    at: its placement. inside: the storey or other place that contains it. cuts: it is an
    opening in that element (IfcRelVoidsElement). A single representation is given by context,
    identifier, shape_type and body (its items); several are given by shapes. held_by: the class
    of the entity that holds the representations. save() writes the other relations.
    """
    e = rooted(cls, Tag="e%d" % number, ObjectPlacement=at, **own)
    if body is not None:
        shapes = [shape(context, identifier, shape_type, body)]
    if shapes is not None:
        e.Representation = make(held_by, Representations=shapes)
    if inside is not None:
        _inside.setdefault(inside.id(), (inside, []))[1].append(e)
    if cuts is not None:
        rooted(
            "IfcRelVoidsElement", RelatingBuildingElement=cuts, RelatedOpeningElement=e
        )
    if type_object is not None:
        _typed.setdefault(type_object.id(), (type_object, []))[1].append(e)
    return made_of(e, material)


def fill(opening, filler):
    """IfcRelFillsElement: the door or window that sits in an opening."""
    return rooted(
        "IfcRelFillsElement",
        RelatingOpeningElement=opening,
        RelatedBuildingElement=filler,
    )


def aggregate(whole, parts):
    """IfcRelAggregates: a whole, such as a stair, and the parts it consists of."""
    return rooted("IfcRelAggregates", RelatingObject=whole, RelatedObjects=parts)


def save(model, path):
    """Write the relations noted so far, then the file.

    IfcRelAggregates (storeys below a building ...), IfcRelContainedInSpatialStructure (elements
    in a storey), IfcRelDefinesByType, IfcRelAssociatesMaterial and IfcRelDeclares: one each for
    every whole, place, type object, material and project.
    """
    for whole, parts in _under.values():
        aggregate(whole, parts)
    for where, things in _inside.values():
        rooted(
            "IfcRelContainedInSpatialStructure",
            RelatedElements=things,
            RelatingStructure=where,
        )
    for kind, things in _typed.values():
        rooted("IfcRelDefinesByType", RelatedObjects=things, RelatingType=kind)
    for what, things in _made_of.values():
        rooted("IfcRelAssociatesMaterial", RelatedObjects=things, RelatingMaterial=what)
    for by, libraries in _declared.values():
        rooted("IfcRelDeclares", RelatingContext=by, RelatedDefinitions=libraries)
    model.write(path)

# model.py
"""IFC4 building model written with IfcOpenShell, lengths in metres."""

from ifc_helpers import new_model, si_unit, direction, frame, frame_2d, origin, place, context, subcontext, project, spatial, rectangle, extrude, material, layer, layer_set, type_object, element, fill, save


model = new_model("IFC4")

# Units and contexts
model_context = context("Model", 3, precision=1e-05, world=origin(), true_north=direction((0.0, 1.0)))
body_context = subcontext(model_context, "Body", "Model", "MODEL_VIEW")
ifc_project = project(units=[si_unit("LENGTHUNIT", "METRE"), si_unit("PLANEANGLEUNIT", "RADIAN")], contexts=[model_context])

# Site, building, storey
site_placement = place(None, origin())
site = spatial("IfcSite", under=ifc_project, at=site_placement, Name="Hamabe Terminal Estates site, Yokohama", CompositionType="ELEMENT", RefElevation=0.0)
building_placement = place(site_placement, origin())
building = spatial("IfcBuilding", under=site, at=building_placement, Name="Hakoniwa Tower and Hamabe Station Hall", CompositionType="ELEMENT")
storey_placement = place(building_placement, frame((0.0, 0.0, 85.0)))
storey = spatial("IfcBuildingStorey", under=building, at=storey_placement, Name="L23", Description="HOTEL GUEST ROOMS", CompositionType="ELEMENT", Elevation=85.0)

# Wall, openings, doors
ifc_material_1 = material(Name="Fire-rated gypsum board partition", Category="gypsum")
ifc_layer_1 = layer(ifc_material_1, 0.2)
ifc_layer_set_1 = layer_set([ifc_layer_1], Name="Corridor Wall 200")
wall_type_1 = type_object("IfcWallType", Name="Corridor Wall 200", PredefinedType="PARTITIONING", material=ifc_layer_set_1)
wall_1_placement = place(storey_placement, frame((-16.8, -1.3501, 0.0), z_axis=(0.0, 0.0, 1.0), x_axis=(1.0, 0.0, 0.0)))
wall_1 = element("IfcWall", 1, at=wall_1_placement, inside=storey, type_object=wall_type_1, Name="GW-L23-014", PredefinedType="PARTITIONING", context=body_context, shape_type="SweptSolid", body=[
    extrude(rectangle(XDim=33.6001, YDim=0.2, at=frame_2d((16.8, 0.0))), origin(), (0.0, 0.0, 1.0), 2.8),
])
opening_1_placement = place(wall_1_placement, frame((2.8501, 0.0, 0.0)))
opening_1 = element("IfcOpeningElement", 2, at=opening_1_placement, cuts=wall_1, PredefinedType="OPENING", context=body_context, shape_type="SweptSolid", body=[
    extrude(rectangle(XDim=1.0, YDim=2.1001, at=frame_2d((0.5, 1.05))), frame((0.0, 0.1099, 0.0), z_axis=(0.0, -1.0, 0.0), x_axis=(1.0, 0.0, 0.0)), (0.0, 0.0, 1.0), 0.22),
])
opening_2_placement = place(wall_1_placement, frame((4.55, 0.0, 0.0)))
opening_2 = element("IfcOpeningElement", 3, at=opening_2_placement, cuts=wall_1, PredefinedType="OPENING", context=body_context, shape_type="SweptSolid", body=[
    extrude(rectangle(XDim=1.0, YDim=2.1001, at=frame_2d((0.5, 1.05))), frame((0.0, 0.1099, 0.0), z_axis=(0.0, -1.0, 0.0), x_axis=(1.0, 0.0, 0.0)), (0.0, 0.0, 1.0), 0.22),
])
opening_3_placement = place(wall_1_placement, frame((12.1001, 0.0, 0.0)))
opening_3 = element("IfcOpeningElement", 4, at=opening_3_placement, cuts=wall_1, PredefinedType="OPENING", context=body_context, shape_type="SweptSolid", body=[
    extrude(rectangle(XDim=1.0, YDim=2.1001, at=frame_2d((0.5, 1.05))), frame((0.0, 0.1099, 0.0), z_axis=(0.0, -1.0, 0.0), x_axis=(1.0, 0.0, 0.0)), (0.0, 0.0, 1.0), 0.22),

## Your instructions
Across the whole listing, show each line where the word "shapes" occurs.

## Exercise answer
    identifier, shape_type and body (its items); several are given by shapes. held_by: the class
        shapes = [shape(context, identifier, shape_type, body)]
    if shapes is not None:
        e.Representation = make(held_by, Representations=shapes)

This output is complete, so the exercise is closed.